Take every line in the entries that includes the word "OverallWidth" and copy it.

(Records contained in a dataset)
+ + + + +

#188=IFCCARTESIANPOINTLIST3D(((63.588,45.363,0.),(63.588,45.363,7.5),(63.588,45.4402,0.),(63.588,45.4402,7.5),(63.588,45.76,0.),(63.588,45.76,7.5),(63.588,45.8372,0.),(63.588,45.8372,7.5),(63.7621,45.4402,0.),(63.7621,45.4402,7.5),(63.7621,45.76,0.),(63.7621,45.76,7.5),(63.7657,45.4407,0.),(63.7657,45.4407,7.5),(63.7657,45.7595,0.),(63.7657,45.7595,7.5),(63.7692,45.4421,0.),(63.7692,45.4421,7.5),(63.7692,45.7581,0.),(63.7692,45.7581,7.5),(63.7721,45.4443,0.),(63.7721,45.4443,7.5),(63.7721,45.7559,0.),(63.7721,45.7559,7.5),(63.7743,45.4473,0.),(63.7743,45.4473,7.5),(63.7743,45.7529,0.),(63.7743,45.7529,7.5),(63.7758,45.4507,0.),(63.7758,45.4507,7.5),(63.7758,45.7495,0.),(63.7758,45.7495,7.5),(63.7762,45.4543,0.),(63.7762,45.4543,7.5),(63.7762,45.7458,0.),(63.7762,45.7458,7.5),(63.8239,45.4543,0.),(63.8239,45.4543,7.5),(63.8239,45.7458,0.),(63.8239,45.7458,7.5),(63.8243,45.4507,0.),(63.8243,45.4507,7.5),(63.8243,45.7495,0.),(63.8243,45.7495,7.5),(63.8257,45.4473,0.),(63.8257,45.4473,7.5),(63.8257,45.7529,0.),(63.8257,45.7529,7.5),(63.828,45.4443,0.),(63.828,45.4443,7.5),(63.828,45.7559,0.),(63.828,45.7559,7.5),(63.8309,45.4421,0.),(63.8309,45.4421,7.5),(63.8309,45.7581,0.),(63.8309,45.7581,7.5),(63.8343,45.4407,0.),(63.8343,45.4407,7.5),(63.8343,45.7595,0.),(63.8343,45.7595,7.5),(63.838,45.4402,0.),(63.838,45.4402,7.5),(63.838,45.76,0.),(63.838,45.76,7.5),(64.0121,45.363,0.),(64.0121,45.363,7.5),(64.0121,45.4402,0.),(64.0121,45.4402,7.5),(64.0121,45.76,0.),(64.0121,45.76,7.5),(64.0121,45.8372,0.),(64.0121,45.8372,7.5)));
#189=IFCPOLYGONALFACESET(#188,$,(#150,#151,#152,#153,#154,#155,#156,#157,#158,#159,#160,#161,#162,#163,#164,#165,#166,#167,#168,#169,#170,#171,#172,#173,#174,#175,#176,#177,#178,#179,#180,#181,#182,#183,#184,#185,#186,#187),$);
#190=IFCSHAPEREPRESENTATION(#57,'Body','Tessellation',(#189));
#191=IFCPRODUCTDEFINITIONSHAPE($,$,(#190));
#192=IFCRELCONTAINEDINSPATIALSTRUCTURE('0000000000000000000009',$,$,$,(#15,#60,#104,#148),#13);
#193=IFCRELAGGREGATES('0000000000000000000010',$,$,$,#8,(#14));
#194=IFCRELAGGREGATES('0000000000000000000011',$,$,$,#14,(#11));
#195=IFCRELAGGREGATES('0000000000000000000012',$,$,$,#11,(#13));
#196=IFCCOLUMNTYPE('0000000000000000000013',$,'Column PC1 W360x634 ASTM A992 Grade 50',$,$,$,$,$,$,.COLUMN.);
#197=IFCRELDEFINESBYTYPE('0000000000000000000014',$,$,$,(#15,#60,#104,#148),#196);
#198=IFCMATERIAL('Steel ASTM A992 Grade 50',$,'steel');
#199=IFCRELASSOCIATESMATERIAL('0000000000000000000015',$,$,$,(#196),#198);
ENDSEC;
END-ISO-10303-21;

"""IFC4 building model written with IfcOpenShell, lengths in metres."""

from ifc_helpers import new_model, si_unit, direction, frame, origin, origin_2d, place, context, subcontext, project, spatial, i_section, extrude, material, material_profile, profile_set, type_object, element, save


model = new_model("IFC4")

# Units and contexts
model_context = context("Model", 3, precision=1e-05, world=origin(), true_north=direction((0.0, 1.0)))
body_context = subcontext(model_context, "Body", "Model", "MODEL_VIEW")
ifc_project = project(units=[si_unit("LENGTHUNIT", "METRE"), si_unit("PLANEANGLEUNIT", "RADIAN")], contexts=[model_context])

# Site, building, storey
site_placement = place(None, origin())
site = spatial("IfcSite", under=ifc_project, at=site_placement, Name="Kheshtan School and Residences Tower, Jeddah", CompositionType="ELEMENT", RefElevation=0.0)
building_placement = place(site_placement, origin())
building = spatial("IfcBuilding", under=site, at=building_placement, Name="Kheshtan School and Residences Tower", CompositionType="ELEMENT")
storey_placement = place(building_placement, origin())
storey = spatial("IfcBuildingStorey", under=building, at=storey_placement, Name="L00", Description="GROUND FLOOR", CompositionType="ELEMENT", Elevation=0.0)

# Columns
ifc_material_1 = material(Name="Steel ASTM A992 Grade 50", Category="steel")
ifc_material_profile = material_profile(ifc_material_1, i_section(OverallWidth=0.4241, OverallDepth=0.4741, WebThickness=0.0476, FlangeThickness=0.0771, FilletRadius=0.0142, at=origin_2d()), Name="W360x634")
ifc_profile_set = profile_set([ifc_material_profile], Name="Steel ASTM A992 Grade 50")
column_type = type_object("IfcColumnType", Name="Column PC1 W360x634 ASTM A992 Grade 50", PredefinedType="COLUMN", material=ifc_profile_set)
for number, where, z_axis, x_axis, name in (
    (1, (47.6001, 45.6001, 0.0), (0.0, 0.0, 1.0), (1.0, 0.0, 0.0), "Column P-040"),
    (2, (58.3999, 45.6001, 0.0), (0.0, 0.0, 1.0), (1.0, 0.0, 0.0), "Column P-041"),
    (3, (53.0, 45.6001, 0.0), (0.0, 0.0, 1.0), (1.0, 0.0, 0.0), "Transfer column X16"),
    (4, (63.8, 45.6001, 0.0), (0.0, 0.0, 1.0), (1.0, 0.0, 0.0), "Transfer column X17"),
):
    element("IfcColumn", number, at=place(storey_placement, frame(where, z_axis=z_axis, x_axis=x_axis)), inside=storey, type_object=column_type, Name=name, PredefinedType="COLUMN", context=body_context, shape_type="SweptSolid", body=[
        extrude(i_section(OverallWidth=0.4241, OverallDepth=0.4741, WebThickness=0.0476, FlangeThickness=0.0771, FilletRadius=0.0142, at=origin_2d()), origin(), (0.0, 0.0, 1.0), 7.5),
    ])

+ + + + +

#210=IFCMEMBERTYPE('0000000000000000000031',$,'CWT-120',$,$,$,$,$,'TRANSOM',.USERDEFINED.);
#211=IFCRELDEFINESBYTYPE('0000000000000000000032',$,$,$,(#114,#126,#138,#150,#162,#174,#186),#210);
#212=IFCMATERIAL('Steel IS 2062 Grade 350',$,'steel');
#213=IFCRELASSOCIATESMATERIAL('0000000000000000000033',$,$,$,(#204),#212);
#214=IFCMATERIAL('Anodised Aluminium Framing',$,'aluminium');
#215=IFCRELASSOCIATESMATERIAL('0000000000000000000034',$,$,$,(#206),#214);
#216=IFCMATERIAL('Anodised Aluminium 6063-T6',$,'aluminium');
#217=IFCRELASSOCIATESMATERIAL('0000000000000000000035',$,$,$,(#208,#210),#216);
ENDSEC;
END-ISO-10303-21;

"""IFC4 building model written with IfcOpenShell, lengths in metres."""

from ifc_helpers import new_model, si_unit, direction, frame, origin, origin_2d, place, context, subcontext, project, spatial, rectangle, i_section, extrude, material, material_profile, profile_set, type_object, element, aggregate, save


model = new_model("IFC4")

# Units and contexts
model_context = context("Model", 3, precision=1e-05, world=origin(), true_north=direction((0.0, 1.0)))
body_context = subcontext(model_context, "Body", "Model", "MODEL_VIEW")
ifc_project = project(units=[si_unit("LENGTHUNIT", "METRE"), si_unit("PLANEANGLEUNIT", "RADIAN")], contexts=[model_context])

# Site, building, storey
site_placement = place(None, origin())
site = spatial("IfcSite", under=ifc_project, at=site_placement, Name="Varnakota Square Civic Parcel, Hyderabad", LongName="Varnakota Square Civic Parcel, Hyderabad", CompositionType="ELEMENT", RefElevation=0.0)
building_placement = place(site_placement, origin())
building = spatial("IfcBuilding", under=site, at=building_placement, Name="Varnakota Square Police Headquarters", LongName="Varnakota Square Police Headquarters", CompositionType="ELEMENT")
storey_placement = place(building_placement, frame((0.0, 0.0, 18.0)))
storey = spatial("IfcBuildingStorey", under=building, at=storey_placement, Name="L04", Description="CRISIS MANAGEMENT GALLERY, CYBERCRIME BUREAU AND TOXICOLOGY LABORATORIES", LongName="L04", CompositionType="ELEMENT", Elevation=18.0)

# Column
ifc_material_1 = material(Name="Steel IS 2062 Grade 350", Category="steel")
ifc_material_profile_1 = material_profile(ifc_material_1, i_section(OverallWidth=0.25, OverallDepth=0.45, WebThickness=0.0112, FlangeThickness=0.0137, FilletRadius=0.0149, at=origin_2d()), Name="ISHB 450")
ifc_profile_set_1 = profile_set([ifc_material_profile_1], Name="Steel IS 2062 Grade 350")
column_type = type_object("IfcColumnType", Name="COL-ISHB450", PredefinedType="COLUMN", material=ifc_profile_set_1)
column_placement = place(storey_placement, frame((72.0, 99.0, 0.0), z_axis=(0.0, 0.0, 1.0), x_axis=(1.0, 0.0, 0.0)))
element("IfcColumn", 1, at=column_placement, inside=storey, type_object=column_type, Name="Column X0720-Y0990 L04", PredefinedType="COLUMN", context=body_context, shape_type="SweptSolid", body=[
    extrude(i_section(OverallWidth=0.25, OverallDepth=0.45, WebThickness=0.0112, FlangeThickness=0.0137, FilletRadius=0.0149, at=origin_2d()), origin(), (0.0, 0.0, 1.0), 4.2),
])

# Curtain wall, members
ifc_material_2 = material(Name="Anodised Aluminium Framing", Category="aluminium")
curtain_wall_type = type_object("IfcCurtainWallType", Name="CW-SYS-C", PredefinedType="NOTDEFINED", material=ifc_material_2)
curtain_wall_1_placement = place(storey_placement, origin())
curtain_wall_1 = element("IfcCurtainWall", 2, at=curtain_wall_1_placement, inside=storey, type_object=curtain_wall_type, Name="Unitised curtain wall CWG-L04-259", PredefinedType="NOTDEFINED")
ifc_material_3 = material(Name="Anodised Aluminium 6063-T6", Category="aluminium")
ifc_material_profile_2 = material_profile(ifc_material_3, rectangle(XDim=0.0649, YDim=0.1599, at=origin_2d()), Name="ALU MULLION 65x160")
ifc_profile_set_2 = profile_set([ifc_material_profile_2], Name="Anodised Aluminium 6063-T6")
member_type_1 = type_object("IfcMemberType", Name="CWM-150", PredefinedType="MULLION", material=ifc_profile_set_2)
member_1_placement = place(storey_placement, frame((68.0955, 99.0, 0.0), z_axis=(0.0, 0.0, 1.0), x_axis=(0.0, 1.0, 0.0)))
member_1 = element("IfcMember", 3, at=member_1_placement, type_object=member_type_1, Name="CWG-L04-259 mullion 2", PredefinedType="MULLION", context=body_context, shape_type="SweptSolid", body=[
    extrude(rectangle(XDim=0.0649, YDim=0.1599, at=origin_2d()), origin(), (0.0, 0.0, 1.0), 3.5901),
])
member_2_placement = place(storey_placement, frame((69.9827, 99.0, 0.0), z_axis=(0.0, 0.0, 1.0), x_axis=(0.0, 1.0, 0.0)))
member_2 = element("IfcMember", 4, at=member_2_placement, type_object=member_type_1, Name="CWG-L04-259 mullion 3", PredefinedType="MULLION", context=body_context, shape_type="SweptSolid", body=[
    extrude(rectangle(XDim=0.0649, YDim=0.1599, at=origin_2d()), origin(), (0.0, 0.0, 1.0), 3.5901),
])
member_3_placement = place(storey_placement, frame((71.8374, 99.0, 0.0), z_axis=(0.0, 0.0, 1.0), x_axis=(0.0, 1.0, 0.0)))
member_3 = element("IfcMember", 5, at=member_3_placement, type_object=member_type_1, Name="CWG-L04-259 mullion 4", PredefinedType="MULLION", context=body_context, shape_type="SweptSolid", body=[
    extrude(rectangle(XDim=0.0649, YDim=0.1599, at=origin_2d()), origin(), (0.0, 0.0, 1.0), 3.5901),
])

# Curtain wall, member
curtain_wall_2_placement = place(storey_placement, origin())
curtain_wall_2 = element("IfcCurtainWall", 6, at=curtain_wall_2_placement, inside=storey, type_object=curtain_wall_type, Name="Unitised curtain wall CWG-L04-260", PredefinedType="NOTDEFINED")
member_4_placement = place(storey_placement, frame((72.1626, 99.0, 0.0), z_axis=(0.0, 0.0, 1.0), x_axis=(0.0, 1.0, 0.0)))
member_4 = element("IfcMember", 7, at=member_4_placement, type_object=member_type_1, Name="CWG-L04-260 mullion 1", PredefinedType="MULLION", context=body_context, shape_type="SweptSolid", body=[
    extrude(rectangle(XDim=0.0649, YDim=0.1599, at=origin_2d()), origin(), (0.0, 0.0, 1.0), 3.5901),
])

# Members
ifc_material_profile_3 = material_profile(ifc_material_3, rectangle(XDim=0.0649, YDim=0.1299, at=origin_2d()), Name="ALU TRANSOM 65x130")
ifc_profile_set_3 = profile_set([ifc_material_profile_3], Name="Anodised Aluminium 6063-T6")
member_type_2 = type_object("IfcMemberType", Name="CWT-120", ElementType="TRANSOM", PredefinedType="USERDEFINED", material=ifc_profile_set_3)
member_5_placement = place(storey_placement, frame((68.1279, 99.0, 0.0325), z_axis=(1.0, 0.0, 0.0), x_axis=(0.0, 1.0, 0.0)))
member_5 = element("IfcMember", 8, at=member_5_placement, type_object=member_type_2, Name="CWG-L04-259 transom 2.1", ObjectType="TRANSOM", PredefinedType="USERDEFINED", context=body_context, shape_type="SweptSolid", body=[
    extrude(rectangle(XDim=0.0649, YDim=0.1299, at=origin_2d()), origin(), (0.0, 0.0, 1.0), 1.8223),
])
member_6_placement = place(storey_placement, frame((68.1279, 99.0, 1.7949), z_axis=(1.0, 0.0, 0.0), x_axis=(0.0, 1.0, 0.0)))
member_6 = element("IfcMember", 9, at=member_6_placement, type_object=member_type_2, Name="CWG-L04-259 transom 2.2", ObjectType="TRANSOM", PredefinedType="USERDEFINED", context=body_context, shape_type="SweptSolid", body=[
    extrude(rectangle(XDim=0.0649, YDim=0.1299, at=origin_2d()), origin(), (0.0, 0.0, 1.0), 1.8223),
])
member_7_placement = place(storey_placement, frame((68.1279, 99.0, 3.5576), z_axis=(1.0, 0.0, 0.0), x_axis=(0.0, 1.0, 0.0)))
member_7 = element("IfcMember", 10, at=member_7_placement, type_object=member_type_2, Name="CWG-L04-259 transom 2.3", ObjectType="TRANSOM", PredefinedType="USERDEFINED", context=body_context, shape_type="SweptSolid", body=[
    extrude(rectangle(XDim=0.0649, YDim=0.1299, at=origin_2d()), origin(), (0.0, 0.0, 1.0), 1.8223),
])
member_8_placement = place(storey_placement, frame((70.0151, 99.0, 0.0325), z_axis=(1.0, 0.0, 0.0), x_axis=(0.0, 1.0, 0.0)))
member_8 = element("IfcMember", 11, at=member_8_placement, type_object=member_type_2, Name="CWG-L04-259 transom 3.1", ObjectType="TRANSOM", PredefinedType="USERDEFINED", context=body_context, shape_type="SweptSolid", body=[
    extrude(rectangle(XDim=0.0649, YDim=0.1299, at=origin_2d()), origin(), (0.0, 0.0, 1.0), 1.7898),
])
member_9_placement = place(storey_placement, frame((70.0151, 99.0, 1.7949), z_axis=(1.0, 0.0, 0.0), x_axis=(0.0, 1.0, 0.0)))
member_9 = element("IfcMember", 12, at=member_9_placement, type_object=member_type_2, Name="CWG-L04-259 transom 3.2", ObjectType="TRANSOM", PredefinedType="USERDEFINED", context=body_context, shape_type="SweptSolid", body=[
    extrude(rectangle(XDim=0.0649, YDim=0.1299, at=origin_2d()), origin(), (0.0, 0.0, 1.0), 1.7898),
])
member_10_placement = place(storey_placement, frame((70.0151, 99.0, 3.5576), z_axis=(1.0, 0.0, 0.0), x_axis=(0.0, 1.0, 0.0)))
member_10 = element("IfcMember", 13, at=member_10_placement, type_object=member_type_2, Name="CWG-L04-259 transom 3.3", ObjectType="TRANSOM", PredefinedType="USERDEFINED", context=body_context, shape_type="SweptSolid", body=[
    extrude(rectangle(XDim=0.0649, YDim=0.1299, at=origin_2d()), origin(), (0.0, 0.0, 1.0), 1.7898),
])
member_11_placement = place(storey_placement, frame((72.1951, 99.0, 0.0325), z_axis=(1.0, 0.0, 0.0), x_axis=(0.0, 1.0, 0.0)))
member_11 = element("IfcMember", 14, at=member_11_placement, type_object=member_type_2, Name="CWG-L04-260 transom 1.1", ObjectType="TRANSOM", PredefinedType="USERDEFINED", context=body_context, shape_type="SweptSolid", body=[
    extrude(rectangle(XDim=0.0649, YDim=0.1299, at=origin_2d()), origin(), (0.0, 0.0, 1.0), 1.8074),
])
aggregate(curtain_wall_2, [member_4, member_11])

+ + + + +

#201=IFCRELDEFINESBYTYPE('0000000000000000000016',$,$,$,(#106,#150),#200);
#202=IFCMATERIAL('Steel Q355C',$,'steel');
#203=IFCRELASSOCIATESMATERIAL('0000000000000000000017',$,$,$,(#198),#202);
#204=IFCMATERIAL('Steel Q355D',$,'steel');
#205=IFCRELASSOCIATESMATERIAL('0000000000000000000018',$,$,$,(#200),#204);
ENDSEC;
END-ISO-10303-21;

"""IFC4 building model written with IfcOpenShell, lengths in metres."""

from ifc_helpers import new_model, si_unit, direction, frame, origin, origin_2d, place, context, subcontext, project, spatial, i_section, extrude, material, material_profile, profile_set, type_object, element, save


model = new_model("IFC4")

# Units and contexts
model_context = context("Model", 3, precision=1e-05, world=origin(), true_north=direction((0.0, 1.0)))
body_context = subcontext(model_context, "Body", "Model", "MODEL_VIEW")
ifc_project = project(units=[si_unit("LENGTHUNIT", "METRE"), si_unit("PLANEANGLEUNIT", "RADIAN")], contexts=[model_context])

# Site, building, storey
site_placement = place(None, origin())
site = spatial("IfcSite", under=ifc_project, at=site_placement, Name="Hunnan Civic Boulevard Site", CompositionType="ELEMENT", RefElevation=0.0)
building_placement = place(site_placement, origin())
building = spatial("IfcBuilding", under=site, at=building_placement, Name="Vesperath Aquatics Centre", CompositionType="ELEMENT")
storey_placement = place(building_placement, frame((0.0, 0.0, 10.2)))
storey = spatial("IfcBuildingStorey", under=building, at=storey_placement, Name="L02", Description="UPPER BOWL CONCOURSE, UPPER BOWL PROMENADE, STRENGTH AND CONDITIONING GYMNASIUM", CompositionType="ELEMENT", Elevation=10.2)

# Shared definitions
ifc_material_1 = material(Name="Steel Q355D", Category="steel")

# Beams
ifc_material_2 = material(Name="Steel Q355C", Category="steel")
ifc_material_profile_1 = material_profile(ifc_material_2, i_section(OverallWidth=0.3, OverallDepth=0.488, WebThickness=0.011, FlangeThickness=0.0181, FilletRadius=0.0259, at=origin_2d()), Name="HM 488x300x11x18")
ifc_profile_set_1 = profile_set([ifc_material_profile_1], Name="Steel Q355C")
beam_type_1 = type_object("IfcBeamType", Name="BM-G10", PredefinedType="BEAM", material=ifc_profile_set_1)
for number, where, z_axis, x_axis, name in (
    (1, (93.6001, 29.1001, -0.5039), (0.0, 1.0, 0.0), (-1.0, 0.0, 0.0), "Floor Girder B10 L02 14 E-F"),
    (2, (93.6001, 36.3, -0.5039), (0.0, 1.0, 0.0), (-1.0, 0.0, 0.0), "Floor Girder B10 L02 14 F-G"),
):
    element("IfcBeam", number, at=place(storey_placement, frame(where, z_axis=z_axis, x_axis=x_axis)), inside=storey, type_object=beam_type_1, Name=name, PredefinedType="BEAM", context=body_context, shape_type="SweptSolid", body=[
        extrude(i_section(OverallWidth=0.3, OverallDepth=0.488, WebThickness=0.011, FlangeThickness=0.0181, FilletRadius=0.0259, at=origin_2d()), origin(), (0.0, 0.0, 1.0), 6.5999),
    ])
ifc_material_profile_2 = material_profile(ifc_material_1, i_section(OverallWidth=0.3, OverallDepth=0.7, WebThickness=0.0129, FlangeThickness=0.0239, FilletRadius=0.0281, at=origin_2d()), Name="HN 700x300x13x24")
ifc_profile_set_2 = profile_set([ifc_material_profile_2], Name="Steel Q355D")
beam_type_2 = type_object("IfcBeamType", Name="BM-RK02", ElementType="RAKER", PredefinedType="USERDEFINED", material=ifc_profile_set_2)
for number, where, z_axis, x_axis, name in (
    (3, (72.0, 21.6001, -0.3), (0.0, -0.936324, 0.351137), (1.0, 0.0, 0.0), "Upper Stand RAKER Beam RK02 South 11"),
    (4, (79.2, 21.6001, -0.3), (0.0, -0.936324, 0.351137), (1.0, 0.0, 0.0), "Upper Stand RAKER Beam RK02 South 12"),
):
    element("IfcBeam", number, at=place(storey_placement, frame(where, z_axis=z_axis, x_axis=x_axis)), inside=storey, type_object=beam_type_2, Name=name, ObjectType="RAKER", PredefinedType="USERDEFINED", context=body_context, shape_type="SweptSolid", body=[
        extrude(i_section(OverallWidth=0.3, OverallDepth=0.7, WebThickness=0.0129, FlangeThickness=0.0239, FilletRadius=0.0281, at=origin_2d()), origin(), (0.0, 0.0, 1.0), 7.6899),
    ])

+ + + + +

SOLUTION FOR THIS PROBLEM –
ifc_material_profile = material_profile(ifc_material_1, i_section(OverallWidth=0.4241, OverallDepth=0.4741, WebThickness=0.0476, FlangeThickness=0.0771, FilletRadius=0.0142, at=origin_2d()), Name="W360x634")
        extrude(i_section(OverallWidth=0.4241, OverallDepth=0.4741, WebThickness=0.0476, FlangeThickness=0.0771, FilletRadius=0.0142, at=origin_2d()), origin(), (0.0, 0.0, 1.0), 7.5),
ifc_material_profile_1 = material_profile(ifc_material_1, i_section(OverallWidth=0.25, OverallDepth=0.45, WebThickness=0.0112, FlangeThickness=0.0137, FilletRadius=0.0149, at=origin_2d()), Name="ISHB 450")
    extrude(i_section(OverallWidth=0.25, OverallDepth=0.45, WebThickness=0.0112, FlangeThickness=0.0137, FilletRadius=0.0149, at=origin_2d()), origin(), (0.0, 0.0, 1.0), 4.2),
ifc_material_profile_1 = material_profile(ifc_material_2, i_section(OverallWidth=0.3, OverallDepth=0.488, WebThickness=0.011, FlangeThickness=0.0181, FilletRadius=0.0259, at=origin_2d()), Name="HM 488x300x11x18")
        extrude(i_section(OverallWidth=0.3, OverallDepth=0.488, WebThickness=0.011, FlangeThickness=0.0181, FilletRadius=0.0259, at=origin_2d()), origin(), (0.0, 0.0, 1.0), 6.5999),
ifc_material_profile_2 = material_profile(ifc_material_1, i_section(OverallWidth=0.3, OverallDepth=0.7, WebThickness=0.0129, FlangeThickness=0.0239, FilletRadius=0.0281, at=origin_2d()), Name="HN 700x300x13x24")
        extrude(i_section(OverallWidth=0.3, OverallDepth=0.7, WebThickness=0.0129, FlangeThickness=0.0239, FilletRadius=0.0281, at=origin_2d()), origin(), (0.0, 0.0, 1.0), 7.6899),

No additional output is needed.